• [DATA SHOWN]:
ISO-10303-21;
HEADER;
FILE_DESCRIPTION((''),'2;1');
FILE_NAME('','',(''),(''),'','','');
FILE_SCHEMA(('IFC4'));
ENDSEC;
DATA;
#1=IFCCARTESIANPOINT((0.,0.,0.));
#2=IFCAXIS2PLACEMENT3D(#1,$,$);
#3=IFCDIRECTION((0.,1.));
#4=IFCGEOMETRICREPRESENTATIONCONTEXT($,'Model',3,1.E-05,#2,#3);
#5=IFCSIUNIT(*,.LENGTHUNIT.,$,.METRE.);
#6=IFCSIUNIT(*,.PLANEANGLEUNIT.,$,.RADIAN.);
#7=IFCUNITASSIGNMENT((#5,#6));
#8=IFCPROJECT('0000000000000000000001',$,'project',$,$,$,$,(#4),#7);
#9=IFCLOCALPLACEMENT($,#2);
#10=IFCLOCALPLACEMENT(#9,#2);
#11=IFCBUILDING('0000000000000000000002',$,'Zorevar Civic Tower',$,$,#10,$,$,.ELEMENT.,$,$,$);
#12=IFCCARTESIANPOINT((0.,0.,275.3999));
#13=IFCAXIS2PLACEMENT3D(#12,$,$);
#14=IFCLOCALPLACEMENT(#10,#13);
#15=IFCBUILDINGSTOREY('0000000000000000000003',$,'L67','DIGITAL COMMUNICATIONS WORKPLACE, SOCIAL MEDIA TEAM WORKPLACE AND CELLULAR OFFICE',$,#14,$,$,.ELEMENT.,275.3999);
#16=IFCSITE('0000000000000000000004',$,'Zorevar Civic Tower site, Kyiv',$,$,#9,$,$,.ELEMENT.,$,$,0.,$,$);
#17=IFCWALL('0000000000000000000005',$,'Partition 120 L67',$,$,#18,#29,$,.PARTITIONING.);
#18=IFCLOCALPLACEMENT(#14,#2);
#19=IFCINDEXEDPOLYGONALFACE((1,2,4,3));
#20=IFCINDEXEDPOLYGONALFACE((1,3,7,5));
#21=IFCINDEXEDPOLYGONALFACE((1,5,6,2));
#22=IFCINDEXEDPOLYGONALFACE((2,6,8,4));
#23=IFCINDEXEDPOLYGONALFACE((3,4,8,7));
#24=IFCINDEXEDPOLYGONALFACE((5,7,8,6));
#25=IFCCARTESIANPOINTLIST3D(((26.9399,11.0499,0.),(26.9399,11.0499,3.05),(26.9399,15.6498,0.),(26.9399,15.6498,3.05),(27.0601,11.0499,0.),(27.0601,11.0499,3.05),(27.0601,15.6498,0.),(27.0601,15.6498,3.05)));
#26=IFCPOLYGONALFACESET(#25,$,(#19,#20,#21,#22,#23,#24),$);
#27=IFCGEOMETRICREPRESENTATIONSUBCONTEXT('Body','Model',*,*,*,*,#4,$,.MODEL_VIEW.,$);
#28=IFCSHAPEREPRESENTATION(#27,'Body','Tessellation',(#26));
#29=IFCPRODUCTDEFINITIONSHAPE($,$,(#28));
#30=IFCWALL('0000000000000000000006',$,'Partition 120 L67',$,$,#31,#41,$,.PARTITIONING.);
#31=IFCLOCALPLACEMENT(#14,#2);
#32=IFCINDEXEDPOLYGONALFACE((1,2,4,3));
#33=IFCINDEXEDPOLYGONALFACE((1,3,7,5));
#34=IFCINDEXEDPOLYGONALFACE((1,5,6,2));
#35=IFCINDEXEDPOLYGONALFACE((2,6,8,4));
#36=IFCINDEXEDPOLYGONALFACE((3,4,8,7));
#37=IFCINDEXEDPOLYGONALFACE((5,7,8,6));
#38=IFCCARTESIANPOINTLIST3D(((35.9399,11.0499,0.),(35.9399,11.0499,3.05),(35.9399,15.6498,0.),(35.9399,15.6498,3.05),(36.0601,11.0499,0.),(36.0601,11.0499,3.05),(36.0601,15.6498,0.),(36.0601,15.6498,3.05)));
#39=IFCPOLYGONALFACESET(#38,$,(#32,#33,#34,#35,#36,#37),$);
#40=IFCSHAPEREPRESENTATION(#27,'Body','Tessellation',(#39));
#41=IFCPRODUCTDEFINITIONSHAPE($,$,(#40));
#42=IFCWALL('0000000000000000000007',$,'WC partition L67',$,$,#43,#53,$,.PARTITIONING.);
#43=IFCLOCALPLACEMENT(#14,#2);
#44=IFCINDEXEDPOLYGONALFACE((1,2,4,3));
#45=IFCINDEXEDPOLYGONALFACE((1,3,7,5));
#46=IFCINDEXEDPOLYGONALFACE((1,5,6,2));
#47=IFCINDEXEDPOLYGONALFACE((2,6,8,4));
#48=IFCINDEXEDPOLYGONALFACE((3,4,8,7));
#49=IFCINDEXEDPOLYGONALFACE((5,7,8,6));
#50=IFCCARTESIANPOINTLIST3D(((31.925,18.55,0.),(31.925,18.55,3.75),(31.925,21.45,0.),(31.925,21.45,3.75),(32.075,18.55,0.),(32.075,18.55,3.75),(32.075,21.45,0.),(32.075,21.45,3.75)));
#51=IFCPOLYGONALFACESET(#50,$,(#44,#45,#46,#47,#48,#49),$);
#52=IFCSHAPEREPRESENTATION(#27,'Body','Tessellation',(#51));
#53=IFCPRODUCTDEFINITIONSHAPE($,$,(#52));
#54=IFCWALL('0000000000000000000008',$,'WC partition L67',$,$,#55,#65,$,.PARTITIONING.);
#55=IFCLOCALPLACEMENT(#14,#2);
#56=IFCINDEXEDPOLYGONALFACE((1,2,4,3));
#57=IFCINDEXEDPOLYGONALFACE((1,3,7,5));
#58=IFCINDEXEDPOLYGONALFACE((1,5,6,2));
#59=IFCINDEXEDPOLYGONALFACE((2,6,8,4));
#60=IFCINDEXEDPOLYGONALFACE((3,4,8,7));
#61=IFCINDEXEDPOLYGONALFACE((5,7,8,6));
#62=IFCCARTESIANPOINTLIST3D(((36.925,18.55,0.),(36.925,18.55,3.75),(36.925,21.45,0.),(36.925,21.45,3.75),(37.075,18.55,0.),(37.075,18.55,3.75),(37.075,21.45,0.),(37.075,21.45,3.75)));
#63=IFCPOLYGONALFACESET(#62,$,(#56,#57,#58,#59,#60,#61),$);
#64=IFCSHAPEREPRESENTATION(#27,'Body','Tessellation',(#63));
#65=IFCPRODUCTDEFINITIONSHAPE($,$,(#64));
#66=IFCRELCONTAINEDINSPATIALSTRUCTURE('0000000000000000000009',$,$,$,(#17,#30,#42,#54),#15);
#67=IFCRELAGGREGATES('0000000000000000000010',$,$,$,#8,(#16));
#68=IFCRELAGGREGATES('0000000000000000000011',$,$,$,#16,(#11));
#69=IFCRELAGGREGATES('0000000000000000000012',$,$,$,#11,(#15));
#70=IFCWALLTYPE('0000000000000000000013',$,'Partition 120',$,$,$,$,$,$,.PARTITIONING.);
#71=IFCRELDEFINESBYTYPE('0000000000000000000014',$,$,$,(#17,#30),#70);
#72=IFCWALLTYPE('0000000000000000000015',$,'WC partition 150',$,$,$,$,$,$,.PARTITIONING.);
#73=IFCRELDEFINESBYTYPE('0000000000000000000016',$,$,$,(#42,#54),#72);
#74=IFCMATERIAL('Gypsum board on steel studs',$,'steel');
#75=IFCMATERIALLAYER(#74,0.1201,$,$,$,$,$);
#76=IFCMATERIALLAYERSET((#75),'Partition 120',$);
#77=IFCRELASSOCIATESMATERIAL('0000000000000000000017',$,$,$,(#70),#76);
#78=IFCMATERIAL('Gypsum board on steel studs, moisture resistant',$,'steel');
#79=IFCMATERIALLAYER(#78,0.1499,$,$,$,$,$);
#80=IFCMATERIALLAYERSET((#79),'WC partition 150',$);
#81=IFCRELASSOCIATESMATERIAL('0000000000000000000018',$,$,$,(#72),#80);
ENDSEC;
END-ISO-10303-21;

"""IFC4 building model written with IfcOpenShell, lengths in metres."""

from ifc_helpers import new_model, si_unit, direction, frame, frame_2d, origin, place, context, subcontext, project, spatial, rectangle, extrude, material, layer, layer_set, type_object, element, save


model = new_model("IFC4")

# Units and contexts
model_context = context("Model", 3, precision=1e-05, world=origin(), true_north=direction((0.0, 1.0)))
body_context = subcontext(model_context, "Body", "Model", "MODEL_VIEW")
ifc_project = project(units=[si_unit("LENGTHUNIT", "METRE"), si_unit("PLANEANGLEUNIT", "RADIAN")], contexts=[model_context])

# Site, building, storey
site_placement = place(None, origin())
site = spatial("IfcSite", under=ifc_project, at=site_placement, Name="Zorevar Civic Tower site, Kyiv", CompositionType="ELEMENT", RefElevation=0.0)
building_placement = place(site_placement, origin())
building = spatial("IfcBuilding", under=site, at=building_placement, Name="Zorevar Civic Tower", CompositionType="ELEMENT")
storey_placement = place(building_placement, frame((0.0, 0.0, 275.3999)))
storey = spatial("IfcBuildingStorey", under=building, at=storey_placement, Name="L67", Description="DIGITAL COMMUNICATIONS WORKPLACE, SOCIAL MEDIA TEAM WORKPLACE AND CELLULAR OFFICE", CompositionType="ELEMENT", Elevation=275.3999)

# Shared definitions
ifc_material_1 = material(Name="Gypsum board on steel studs", Category="steel")
ifc_layer_1 = layer(ifc_material_1, 0.1201)
ifc_layer_set_1 = layer_set([ifc_layer_1], Name="Partition 120")
wall_type_1 = type_object("IfcWallType", Name="Partition 120", PredefinedType="PARTITIONING", material=ifc_layer_set_1)

# Walls
for number, where, z_axis, x_axis, name in (
    (1, (27.0, 11.05, 0.0), (0.0, 0.0, 1.0), (0.0, 1.0, 0.0), "Partition 120 L67"),
    (2, (36.0, 11.05, 0.0), (0.0, 0.0, 1.0), (0.0, 1.0, 0.0), "Partition 120 L67"),
):
    element("IfcWall", number, at=place(storey_placement, frame(where, z_axis=z_axis, x_axis=x_axis)), inside=storey, type_object=wall_type_1, Name=name, PredefinedType="PARTITIONING", context=body_context, shape_type="SweptSolid", body=[
        extrude(rectangle(XDim=4.5999, YDim=0.1201, at=frame_2d((2.2998, 0.0))), origin(), (0.0, 0.0, 1.0), 3.05),
    ])
ifc_material_2 = material(Name="Gypsum board on steel studs, moisture resistant", Category="steel")
ifc_layer_2 = layer(ifc_material_2, 0.1499)
ifc_layer_set_2 = layer_set([ifc_layer_2], Name="WC partition 150")
wall_type_2 = type_object("IfcWallType", Name="WC partition 150", PredefinedType="PARTITIONING", material=ifc_layer_set_2)
for number, where, z_axis, x_axis, name in (
    (3, (32.0, 18.55, 0.0), (0.0, 0.0, 1.0), (0.0, 1.0, 0.0), "WC partition L67"),
    (4, (37.0, 18.55, 0.0), (0.0, 0.0, 1.0), (0.0, 1.0, 0.0), "WC partition L67"),
):
    element("IfcWall", number, at=place(storey_placement, frame(where, z_axis=z_axis, x_axis=x_axis)), inside=storey, type_object=wall_type_2, Name=name, PredefinedType="PARTITIONING", context=body_context, shape_type="SweptSolid", body=[
        extrude(rectangle(XDim=2.8999, YDim=0.1499, at=frame_2d((1.45, 0.0))), origin(), (0.0, 0.0, 1.0), 3.75),
    ])

save(model, "model.ifc")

• [WHAT IS NEEDED]: Retype exactly the lines from the start of the entries through the one with "#16=IFCSITE('0000000000000000000004',$,'Zorevar Civic Tower"; include both ends.

• [RESPONSE AREA]:
ISO-10303-21;
HEADER;
FILE_DESCRIPTION((''),'2;1');
FILE_NAME('','',(''),(''),'','','');
FILE_SCHEMA(('IFC4'));
ENDSEC;
DATA;
#1=IFCCARTESIANPOINT((0.,0.,0.));
#2=IFCAXIS2PLACEMENT3D(#1,$,$);
#3=IFCDIRECTION((0.,1.));
#4=IFCGEOMETRICREPRESENTATIONCONTEXT($,'Model',3,1.E-05,#2,#3);
#5=IFCSIUNIT(*,.LENGTHUNIT.,$,.METRE.);
#6=IFCSIUNIT(*,.PLANEANGLEUNIT.,$,.RADIAN.);
#7=IFCUNITASSIGNMENT((#5,#6));
#8=IFCPROJECT('0000000000000000000001',$,'project',$,$,$,$,(#4),#7);
#9=IFCLOCALPLACEMENT($,#2);
#10=IFCLOCALPLACEMENT(#9,#2);
#11=IFCBUILDING('0000000000000000000002',$,'Zorevar Civic Tower',$,$,#10,$,$,.ELEMENT.,$,$,$);
#12=IFCCARTESIANPOINT((0.,0.,275.3999));
#13=IFCAXIS2PLACEMENT3D(#12,$,$);
#14=IFCLOCALPLACEMENT(#10,#13);
#15=IFCBUILDINGSTOREY('0000000000000000000003',$,'L67','DIGITAL COMMUNICATIONS WORKPLACE, SOCIAL MEDIA TEAM WORKPLACE AND CELLULAR OFFICE',$,#14,$,$,.ELEMENT.,275.3999);
#16=IFCSITE('0000000000000000000004',$,'Zorevar Civic Tower site, Kyiv',$,$,#9,$,$,.ELEMENT.,$,$,0.,$,$);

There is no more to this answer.